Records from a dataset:
____

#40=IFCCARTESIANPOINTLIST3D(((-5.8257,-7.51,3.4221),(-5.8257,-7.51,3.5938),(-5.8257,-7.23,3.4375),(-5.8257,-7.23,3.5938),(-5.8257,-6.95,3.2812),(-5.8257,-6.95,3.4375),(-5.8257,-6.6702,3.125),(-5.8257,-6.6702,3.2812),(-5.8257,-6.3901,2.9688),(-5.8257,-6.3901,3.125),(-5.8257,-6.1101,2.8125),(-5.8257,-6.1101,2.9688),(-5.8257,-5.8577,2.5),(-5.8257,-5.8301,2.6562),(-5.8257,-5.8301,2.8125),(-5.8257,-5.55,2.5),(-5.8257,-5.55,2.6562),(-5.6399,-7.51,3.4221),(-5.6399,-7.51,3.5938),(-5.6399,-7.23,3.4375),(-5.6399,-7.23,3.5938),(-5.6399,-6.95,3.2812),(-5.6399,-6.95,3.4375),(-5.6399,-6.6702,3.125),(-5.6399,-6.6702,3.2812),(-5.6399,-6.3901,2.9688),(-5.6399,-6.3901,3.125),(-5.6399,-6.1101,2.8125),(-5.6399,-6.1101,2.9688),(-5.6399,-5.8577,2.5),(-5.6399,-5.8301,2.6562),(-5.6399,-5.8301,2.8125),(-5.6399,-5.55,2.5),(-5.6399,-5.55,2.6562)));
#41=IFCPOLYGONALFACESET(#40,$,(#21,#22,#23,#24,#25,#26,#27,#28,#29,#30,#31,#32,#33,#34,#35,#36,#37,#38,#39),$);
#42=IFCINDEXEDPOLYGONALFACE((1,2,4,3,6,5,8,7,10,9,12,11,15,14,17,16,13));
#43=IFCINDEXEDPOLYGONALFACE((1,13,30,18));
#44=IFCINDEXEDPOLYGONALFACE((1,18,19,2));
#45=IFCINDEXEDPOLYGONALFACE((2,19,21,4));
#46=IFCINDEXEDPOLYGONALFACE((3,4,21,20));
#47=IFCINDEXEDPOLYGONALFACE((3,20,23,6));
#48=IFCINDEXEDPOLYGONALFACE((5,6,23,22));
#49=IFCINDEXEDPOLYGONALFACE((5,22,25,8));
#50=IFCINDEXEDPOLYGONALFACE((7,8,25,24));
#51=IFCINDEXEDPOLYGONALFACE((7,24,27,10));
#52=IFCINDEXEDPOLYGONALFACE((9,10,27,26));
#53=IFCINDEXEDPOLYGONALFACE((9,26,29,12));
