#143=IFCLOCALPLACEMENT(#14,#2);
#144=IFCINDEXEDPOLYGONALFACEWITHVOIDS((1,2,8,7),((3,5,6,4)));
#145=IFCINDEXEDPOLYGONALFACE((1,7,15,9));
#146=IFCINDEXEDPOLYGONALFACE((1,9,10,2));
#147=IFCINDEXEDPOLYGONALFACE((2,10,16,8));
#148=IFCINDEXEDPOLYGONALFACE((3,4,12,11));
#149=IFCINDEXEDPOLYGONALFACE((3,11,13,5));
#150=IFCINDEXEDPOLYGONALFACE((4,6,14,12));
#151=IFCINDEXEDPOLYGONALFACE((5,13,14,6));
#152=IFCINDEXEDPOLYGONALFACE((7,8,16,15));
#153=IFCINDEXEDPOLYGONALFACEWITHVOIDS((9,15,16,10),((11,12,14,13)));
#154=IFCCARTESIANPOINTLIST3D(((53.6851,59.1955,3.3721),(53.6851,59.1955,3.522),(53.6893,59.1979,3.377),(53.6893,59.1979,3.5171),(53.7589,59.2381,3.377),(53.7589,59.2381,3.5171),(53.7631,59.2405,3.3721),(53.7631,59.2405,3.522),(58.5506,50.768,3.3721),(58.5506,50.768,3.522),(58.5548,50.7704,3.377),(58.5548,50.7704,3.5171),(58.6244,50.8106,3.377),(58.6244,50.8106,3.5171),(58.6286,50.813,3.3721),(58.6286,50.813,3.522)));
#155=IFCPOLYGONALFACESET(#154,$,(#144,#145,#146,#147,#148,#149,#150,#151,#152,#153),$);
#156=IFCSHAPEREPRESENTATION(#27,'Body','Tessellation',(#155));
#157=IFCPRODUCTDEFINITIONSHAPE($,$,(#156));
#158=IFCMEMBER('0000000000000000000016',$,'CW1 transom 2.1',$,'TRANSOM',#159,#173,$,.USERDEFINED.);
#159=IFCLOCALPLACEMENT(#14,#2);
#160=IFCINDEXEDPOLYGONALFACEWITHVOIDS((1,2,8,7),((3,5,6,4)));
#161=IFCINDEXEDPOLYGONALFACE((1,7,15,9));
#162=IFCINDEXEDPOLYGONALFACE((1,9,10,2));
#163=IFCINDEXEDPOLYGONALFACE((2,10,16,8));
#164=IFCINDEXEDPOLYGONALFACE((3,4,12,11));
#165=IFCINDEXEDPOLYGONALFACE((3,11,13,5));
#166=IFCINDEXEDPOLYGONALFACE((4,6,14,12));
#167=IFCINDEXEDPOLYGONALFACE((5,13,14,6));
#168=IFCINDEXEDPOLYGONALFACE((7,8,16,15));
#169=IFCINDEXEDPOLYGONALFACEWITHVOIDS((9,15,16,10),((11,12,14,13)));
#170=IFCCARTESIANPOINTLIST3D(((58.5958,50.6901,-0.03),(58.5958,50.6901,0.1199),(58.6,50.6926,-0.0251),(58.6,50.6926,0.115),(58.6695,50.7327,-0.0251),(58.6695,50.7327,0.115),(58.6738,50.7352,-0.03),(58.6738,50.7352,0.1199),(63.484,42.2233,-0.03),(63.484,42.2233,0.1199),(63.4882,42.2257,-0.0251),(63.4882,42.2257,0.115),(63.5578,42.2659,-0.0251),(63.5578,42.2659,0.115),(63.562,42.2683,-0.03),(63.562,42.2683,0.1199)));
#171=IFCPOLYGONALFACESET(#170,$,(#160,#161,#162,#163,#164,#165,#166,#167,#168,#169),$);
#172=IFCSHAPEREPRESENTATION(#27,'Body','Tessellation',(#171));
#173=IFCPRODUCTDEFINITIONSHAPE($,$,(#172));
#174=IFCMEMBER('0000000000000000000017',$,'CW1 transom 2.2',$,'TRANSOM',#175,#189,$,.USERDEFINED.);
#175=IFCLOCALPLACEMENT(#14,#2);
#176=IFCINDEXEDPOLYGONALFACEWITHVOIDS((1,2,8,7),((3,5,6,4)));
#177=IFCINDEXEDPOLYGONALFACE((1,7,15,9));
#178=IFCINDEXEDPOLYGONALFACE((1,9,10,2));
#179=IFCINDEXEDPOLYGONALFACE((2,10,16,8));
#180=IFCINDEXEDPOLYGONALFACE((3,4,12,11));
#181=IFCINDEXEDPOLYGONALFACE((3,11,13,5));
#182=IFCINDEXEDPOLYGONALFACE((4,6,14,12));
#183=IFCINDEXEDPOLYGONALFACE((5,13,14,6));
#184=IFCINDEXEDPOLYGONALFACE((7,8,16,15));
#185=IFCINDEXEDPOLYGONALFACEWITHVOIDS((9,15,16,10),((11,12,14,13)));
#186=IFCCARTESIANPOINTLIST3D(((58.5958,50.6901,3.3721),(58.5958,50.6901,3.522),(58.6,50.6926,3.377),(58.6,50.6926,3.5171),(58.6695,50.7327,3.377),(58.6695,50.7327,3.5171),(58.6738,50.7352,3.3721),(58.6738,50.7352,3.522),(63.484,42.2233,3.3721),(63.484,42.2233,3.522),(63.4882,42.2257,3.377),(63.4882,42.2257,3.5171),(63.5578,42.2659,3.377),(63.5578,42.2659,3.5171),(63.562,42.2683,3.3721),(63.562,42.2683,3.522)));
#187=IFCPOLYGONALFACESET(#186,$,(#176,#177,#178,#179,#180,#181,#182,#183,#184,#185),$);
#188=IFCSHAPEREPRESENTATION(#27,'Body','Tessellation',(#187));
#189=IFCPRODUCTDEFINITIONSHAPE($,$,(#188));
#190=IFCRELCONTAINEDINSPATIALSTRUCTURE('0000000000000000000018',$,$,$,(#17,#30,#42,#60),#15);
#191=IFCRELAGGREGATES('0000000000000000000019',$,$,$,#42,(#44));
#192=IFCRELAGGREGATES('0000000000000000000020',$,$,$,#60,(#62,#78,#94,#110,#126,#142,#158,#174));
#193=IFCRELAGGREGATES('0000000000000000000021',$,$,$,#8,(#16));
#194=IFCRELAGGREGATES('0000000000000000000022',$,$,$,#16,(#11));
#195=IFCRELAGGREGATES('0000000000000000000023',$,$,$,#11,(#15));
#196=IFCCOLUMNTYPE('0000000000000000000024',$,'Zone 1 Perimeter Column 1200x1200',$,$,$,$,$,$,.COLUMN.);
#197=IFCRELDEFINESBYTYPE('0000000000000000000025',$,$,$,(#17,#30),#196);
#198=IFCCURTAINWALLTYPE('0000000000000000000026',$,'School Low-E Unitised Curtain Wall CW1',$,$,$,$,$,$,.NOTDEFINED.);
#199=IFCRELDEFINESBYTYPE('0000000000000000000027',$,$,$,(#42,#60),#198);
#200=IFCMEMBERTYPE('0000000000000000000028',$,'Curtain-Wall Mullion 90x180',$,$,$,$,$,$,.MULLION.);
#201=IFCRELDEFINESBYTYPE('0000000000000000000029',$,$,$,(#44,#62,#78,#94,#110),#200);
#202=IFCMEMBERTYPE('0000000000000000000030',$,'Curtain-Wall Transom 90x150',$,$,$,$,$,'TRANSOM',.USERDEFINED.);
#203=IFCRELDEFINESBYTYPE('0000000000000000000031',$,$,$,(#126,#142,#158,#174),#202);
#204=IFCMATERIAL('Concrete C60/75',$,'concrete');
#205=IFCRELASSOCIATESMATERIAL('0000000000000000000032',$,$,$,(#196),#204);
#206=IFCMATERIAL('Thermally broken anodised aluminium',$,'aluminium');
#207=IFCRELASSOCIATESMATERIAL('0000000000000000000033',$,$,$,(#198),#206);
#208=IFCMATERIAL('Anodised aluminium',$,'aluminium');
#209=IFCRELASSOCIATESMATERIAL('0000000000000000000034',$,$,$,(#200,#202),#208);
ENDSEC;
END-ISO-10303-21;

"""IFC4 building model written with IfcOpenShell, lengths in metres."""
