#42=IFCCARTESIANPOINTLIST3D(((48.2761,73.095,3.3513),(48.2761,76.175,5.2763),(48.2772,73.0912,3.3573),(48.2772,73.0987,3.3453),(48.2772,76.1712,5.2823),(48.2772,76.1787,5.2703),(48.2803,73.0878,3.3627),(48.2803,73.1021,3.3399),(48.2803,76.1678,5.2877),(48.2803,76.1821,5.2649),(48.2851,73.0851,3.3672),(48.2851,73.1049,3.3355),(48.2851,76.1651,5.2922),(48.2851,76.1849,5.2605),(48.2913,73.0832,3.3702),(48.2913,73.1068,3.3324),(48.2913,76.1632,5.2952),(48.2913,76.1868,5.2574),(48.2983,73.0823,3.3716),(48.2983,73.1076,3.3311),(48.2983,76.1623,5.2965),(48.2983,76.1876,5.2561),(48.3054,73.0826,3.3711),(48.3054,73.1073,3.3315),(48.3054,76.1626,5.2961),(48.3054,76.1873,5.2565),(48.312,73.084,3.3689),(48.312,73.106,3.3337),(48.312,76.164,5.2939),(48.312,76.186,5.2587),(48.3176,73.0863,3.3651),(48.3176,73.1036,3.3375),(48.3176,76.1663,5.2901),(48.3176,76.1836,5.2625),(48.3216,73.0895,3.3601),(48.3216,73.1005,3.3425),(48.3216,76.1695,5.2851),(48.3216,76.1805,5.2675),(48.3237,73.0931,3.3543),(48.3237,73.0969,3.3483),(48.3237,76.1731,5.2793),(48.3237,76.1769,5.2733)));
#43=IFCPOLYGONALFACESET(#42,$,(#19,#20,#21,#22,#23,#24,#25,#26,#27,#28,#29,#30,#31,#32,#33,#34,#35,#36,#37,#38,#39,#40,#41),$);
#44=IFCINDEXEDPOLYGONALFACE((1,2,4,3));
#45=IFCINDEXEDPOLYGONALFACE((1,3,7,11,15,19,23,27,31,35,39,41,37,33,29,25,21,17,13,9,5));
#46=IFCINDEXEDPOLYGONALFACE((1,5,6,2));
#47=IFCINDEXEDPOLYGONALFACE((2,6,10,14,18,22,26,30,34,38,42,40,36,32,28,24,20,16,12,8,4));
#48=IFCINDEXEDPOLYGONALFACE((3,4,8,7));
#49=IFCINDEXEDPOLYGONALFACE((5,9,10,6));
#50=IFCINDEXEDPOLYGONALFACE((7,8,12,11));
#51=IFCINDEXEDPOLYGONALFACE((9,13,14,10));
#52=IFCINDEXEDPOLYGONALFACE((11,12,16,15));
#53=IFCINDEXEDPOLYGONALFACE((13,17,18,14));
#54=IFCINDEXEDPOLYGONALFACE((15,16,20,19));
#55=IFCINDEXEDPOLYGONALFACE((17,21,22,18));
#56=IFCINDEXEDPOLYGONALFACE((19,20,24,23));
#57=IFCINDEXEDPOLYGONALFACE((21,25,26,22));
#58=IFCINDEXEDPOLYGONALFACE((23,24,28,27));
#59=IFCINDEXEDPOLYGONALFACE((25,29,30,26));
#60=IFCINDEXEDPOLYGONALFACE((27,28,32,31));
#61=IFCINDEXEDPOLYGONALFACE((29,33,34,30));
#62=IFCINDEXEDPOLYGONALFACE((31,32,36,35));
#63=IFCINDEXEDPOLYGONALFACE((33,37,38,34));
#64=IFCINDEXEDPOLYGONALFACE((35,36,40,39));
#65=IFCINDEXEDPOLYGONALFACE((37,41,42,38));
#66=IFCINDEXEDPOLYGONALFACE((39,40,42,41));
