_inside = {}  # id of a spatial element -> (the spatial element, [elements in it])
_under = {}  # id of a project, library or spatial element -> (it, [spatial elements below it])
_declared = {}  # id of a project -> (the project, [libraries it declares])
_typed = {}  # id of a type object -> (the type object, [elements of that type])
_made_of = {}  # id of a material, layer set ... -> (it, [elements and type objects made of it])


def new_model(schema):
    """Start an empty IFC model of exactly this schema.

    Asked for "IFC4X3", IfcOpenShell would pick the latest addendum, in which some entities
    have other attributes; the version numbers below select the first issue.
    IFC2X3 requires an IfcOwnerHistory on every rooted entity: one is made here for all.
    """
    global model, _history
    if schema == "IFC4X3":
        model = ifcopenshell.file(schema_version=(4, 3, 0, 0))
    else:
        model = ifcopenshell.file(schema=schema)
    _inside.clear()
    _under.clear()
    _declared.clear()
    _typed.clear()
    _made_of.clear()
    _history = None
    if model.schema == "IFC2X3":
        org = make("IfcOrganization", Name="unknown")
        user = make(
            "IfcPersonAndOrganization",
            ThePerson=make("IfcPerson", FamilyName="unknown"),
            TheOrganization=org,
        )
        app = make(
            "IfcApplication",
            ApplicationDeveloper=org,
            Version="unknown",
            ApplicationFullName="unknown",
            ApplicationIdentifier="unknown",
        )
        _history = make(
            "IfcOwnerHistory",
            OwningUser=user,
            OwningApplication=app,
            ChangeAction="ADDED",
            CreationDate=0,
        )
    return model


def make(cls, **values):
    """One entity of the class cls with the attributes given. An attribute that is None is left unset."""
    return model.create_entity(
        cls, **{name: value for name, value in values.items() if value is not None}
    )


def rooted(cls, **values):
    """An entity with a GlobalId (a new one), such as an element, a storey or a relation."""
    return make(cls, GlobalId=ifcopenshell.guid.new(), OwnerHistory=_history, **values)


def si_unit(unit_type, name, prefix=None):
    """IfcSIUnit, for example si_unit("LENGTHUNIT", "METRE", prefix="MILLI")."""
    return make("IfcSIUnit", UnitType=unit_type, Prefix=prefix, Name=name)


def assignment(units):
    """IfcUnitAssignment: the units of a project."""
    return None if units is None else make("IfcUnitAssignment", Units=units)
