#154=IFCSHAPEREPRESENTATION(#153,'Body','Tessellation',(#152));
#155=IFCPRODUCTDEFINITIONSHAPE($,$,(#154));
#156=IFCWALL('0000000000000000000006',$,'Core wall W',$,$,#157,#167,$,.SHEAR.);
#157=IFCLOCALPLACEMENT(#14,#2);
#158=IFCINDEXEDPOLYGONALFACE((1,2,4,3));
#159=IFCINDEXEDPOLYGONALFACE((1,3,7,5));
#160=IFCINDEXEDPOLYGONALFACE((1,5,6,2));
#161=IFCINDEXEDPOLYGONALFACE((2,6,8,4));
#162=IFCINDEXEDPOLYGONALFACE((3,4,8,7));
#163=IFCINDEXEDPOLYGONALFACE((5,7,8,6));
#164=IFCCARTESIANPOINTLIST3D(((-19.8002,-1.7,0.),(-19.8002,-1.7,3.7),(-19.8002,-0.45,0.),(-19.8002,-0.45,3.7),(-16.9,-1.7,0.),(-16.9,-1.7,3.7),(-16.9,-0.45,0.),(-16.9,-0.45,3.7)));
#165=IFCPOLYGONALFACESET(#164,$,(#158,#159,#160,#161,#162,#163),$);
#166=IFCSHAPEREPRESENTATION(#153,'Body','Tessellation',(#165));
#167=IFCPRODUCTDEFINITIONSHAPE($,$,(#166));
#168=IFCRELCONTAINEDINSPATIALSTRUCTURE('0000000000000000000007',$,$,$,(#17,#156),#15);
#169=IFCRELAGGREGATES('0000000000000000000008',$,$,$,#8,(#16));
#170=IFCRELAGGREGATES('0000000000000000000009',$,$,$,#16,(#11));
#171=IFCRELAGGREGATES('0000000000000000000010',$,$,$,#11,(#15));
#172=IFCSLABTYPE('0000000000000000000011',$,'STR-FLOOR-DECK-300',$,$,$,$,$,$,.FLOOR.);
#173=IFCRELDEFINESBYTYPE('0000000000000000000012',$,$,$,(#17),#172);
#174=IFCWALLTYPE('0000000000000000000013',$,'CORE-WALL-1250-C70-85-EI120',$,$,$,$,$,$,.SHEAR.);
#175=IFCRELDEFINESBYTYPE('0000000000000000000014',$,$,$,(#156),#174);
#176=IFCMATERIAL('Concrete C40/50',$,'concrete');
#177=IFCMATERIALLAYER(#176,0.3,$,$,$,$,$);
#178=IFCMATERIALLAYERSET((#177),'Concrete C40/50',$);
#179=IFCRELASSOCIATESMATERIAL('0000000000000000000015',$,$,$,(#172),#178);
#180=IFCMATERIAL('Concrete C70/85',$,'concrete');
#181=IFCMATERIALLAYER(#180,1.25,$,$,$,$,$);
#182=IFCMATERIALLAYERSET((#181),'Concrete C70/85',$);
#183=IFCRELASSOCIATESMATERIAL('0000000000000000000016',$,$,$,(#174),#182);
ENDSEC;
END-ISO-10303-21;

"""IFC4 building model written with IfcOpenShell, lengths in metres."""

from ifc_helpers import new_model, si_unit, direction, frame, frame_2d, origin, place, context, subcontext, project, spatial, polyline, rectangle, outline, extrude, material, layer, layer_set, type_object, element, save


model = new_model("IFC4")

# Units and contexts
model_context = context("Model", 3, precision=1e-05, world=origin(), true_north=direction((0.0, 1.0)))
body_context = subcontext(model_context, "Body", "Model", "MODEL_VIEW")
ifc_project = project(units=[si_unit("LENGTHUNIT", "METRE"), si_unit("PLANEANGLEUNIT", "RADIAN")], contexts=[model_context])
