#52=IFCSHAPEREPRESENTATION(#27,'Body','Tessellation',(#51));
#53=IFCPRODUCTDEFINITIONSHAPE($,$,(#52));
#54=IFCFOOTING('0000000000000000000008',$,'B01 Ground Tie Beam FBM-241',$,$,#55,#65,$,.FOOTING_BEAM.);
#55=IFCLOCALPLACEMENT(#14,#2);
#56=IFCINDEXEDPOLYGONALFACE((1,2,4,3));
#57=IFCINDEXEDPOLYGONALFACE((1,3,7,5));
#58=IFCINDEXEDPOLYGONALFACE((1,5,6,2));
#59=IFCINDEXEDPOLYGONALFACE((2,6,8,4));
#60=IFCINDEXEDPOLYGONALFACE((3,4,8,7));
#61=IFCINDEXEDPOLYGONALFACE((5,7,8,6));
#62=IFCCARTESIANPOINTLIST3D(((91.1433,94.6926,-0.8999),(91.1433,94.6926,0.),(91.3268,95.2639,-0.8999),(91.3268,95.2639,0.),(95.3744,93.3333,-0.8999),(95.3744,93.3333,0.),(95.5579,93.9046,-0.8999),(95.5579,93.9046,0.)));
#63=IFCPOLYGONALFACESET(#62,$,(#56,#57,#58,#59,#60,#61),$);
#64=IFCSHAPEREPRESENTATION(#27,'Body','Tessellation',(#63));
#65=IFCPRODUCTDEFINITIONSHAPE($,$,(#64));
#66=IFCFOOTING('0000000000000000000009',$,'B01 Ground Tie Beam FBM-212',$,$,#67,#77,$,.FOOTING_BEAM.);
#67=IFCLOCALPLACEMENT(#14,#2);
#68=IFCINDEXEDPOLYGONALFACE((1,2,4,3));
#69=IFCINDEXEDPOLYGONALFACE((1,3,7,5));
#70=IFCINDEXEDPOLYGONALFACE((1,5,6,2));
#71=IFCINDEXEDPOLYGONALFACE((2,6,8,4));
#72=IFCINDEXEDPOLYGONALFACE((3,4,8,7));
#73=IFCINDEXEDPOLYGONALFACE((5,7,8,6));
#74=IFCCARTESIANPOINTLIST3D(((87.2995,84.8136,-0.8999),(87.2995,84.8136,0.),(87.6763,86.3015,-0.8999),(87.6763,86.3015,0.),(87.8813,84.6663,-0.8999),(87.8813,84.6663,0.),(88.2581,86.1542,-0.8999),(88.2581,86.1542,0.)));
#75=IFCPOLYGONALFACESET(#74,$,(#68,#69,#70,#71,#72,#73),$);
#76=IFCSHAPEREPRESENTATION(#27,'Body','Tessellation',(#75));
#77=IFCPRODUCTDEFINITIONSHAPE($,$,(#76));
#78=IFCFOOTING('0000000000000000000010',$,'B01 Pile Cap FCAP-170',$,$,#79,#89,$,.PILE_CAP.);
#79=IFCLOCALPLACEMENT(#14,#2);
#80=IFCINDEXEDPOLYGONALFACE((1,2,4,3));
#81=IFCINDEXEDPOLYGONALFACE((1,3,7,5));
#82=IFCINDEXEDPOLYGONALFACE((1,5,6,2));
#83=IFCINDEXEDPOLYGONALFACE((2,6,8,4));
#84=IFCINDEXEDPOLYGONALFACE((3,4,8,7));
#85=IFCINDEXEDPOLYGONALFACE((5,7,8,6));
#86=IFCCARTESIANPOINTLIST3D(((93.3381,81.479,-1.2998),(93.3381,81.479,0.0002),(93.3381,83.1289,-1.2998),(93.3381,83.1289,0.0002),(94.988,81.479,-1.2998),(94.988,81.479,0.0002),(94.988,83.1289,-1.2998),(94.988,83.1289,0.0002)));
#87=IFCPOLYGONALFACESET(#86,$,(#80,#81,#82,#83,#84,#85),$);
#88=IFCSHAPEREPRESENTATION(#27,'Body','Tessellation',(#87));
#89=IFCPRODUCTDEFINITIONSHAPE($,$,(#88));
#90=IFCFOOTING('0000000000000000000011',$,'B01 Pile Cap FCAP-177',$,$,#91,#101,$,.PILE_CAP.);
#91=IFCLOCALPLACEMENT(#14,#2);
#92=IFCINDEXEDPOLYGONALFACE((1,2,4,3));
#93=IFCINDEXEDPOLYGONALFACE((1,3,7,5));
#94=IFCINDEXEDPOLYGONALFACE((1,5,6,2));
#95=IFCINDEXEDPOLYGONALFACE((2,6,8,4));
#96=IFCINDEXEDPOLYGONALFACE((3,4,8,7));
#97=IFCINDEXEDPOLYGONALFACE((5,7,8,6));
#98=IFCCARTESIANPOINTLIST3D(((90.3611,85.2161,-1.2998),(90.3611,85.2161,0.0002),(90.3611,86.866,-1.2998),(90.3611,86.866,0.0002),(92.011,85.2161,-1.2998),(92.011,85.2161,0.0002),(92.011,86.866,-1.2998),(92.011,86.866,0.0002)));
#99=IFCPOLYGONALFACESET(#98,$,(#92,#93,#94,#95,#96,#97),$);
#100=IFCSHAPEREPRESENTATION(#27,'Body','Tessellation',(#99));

____

WORK TO COMPLETE:
Look through the entries, and return every line that the word "else" appears in.

ANSWER FOR THIS EXERCISE:
    else:
    return None if units is None else make("IfcUnitAssignment", Units=units)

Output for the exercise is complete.